Exercise details -> What you return must be an exact copy of the lines in the listing below between the line holding "#116=IFCINDEXEDPOLYGONALFACE((35,36,40,39));" and the line holding "#118=IFCINDEXEDPOLYGONALFACE((39,40,42,41));", inclusive, and nothing more.
◇ ◇ ◇ ◇ ◇
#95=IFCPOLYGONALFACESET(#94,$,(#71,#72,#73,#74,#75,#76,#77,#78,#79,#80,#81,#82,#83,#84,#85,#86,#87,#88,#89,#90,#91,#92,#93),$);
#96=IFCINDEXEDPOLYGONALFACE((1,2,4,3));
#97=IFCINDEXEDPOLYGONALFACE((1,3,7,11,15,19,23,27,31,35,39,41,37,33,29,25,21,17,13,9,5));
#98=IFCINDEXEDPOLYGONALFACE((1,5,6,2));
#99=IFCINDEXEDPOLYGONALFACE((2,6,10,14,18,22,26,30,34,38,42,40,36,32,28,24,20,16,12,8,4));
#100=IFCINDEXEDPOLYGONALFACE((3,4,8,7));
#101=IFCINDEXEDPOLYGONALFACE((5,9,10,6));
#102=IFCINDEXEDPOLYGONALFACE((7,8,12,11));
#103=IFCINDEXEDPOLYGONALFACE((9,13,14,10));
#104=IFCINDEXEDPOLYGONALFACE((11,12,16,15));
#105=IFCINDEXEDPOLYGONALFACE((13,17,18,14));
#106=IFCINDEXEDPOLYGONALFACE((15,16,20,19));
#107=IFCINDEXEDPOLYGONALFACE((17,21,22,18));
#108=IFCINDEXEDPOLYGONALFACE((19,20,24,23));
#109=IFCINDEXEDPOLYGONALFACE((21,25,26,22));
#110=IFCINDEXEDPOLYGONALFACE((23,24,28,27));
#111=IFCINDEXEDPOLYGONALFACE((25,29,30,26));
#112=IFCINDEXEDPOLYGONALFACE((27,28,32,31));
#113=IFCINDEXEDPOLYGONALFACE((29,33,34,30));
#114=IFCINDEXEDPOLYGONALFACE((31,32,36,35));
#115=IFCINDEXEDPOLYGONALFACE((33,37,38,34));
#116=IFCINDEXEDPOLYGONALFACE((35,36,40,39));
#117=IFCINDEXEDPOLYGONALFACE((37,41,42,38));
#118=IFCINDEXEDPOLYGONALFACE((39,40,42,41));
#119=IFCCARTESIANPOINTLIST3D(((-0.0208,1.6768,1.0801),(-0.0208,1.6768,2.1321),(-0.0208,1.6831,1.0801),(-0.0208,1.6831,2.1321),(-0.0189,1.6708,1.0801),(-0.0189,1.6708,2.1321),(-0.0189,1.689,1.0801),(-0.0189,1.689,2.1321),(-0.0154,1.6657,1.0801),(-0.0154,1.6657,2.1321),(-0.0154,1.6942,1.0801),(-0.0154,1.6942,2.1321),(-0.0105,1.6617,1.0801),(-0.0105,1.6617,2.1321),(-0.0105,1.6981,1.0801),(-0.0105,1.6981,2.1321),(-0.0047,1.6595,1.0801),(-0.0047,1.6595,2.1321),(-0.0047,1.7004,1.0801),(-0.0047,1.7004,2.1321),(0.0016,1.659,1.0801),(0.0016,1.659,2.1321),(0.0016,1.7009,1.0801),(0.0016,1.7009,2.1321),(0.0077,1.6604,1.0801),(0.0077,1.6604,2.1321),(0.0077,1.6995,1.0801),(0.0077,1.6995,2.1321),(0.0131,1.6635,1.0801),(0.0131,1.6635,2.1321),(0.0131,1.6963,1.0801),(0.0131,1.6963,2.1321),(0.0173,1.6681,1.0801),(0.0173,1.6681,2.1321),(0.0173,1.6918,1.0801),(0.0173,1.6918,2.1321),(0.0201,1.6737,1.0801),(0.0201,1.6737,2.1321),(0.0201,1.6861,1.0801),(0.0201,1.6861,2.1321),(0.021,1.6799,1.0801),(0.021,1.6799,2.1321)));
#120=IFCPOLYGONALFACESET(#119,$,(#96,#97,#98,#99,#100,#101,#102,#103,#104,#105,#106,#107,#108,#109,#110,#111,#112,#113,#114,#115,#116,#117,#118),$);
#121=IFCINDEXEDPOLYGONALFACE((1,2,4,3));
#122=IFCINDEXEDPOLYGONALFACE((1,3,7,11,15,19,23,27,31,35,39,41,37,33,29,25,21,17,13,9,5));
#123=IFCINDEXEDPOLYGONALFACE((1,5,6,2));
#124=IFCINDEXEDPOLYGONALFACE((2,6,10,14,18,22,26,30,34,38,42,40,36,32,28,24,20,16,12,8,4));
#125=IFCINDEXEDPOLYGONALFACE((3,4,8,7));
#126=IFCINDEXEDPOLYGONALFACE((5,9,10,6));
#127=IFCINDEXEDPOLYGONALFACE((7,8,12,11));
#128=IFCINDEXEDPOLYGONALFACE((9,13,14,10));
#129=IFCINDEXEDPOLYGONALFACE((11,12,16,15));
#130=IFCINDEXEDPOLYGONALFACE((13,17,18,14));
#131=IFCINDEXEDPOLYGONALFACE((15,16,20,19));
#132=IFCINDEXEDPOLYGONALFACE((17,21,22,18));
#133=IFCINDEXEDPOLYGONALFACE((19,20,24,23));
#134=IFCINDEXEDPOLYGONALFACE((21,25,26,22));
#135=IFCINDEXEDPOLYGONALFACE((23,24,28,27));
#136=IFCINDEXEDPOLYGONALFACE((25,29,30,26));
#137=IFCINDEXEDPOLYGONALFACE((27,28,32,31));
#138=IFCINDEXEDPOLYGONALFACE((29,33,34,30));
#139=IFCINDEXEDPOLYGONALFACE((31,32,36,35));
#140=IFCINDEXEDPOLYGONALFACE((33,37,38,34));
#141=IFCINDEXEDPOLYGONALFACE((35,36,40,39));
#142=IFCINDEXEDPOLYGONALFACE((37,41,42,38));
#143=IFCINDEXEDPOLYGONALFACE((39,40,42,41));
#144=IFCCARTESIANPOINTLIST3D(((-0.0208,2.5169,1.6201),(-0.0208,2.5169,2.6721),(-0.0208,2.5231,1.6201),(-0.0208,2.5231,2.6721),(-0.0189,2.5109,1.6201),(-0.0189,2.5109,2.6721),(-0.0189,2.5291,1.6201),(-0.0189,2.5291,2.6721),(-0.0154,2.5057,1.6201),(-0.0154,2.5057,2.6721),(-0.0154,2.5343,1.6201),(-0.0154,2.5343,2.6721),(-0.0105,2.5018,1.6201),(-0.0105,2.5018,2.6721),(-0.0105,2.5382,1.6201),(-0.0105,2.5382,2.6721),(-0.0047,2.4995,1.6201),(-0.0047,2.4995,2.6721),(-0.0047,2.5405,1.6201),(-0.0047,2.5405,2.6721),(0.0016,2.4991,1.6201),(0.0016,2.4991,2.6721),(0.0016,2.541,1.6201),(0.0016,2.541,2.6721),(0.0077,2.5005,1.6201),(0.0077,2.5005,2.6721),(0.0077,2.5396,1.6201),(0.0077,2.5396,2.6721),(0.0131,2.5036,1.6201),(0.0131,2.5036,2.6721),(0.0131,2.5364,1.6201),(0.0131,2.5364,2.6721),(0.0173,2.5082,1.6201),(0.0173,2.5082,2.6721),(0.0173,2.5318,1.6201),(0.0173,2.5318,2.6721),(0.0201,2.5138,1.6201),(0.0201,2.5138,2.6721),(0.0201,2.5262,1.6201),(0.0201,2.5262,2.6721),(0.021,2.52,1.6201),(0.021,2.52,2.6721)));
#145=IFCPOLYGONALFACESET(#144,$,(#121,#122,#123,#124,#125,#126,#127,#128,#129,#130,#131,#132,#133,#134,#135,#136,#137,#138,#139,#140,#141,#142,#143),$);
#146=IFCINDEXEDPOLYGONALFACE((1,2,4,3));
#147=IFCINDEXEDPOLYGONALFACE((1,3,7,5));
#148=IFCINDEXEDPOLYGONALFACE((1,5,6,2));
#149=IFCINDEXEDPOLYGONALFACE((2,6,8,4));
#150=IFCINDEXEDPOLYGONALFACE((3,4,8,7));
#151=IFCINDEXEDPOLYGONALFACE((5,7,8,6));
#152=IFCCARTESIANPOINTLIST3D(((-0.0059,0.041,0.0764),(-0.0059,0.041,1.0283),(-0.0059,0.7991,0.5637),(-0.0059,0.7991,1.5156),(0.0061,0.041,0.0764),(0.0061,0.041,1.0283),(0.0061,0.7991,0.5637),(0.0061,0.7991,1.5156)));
◇ ◇ ◇ ◇ ◇
Answer to this problem ->
#116=IFCINDEXEDPOLYGONALFACE((35,36,40,39));
#117=IFCINDEXEDPOLYGONALFACE((37,41,42,38));
#118=IFCINDEXEDPOLYGONALFACE((39,40,42,41));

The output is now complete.